[TASK INSTRUCTIONS] Should a line in the entries below contain "direction", return that line.
[EXTRACTED INFORMATION — start]
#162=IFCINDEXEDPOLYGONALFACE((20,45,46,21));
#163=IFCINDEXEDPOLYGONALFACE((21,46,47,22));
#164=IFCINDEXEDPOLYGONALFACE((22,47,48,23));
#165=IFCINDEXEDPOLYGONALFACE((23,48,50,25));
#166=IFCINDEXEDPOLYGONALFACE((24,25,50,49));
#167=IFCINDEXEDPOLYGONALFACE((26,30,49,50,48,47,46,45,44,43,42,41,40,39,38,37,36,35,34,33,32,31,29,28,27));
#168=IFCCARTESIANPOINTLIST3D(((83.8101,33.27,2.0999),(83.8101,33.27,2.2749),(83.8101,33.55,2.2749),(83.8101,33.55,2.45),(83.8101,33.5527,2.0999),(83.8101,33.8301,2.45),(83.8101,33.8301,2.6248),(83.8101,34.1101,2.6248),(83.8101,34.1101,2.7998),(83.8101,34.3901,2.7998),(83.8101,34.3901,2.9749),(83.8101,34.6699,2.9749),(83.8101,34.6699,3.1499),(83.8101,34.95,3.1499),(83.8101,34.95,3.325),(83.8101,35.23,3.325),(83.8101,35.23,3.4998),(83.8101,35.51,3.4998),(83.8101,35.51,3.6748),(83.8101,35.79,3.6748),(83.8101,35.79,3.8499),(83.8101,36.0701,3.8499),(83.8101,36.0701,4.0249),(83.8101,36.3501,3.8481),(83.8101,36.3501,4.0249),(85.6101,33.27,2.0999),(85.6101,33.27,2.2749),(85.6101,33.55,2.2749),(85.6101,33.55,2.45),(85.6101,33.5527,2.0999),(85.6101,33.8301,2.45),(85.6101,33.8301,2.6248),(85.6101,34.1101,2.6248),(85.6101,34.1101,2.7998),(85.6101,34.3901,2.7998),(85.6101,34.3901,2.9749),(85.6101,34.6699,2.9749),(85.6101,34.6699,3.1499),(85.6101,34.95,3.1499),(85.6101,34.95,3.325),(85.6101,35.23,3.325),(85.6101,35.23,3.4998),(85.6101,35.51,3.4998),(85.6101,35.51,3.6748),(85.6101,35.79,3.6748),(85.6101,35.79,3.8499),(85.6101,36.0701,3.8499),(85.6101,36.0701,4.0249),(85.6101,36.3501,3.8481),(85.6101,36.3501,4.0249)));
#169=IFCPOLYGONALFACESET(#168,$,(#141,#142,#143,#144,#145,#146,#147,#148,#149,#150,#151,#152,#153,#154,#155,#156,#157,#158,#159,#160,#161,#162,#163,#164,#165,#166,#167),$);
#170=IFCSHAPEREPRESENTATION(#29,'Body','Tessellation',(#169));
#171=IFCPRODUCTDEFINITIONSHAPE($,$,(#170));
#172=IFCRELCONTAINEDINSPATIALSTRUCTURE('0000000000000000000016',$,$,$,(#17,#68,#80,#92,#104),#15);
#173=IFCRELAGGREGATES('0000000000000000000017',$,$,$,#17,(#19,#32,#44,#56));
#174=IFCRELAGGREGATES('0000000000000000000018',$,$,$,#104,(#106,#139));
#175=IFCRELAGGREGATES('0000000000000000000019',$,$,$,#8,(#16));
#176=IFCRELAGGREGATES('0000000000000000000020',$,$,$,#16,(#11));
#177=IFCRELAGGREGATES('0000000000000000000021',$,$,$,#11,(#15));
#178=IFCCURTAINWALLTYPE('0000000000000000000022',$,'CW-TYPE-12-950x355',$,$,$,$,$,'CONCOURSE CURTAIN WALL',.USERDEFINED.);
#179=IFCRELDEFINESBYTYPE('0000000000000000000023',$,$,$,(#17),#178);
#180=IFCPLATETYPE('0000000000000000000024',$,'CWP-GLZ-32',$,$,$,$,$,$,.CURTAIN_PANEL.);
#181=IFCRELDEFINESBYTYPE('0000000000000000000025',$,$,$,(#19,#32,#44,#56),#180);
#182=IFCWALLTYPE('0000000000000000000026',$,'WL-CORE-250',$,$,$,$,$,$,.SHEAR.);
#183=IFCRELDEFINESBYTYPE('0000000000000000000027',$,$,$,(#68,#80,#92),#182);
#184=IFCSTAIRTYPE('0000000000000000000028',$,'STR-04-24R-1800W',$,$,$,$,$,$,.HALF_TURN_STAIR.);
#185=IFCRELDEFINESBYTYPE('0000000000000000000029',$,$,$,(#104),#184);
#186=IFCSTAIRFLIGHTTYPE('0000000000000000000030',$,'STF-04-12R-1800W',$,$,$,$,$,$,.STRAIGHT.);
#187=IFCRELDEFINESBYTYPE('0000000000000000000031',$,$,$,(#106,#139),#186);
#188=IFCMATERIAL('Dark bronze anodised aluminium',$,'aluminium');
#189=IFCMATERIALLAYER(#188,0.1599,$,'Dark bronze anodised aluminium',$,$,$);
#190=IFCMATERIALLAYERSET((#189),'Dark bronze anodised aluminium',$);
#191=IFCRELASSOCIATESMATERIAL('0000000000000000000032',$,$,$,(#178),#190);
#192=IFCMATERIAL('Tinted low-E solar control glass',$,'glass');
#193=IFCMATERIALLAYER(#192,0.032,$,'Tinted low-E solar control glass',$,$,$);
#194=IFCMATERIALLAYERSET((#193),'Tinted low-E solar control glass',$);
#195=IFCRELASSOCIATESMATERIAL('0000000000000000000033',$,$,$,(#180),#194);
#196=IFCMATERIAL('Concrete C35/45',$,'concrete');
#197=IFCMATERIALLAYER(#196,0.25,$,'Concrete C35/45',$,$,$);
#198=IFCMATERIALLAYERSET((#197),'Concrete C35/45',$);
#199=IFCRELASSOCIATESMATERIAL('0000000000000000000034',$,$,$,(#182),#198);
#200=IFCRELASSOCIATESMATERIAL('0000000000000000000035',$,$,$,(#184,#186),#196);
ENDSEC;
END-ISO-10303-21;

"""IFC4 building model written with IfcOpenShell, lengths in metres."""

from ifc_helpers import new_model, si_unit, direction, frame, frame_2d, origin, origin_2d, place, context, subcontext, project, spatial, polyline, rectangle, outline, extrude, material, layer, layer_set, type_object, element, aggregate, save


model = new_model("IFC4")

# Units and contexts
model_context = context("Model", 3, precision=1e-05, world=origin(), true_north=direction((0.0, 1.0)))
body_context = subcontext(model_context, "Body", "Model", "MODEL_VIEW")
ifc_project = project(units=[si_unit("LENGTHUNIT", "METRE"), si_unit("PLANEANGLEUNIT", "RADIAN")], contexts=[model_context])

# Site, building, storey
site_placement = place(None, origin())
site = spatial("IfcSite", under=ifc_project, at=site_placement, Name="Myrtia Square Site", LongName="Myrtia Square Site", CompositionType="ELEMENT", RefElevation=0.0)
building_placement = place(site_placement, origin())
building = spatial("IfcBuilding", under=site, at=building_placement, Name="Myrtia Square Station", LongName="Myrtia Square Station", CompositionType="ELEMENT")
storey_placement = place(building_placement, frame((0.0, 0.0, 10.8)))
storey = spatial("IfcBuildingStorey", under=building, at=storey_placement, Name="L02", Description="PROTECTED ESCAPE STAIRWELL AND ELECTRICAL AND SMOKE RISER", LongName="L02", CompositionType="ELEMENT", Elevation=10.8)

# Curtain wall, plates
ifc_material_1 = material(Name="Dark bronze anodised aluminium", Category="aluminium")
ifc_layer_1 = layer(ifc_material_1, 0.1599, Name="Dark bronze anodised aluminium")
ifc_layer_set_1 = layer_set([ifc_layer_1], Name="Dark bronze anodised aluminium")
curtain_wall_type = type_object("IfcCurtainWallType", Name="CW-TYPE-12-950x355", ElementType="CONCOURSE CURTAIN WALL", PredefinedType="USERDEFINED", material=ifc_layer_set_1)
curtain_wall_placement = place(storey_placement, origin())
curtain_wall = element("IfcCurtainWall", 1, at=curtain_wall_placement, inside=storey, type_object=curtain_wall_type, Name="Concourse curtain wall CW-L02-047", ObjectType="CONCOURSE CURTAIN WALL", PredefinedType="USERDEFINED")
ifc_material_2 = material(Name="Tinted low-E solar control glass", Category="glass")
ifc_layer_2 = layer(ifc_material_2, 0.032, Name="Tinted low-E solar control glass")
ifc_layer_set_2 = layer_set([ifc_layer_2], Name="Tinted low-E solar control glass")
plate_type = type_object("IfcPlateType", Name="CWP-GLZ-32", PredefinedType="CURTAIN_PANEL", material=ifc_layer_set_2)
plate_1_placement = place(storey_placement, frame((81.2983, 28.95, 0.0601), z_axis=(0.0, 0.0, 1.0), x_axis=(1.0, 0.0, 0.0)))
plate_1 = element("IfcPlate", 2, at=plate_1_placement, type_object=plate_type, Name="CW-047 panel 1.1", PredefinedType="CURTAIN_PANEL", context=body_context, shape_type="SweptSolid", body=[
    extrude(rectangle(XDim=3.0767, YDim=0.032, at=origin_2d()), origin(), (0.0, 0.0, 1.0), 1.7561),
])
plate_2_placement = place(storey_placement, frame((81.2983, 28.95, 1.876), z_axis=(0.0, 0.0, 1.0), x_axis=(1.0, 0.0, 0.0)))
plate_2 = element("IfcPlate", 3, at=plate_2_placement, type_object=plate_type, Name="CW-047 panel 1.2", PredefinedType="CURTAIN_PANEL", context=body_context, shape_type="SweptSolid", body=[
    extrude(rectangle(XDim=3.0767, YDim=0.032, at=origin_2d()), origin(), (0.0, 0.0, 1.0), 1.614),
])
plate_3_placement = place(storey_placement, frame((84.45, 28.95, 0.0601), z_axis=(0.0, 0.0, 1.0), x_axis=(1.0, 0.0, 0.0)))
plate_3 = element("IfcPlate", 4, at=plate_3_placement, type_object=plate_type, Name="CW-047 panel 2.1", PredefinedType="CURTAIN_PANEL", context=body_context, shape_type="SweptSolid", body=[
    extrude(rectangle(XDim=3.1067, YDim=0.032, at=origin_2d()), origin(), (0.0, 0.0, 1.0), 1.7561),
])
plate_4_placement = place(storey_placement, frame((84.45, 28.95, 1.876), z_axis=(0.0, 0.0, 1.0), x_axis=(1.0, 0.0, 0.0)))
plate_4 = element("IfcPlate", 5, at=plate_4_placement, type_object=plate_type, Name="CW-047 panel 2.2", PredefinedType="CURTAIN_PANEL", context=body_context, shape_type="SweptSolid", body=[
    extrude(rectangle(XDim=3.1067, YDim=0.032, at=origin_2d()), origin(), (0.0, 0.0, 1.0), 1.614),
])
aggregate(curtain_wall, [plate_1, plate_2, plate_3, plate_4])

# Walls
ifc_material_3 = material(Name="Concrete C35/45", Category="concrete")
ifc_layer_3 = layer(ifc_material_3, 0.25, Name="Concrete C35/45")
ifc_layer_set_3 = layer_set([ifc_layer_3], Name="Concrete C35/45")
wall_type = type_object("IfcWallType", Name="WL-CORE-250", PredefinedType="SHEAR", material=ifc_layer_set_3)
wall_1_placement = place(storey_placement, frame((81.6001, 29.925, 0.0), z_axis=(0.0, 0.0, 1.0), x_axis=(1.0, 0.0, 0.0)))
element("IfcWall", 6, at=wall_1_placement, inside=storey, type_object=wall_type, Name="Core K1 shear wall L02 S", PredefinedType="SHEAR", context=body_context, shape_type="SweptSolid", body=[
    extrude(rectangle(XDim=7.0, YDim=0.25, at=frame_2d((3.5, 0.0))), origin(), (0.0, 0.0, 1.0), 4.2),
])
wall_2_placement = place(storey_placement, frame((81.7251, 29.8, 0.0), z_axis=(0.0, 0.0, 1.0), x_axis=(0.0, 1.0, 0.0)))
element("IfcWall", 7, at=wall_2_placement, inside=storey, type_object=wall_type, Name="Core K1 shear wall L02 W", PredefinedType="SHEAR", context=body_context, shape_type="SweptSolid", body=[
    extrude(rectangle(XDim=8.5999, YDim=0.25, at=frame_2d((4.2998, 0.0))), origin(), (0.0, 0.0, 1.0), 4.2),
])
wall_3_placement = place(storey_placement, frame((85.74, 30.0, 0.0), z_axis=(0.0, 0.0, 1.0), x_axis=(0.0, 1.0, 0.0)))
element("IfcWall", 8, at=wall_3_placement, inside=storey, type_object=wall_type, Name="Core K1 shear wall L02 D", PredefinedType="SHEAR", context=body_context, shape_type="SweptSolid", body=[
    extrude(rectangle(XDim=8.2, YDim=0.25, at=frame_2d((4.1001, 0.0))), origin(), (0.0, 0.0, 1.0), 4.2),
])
[EXTRACTED INFORMATION — finish]
[OUTPUT]
from ifc_helpers import new_model, si_unit, direction, frame, frame_2d, origin, origin_2d, place, context, subcontext, project, spatial, polyline, rectangle, outline, extrude, material, layer, layer_set, type_object, element, aggregate, save
model_context = context("Model", 3, precision=1e-05, world=origin(), true_north=direction((0.0, 1.0)))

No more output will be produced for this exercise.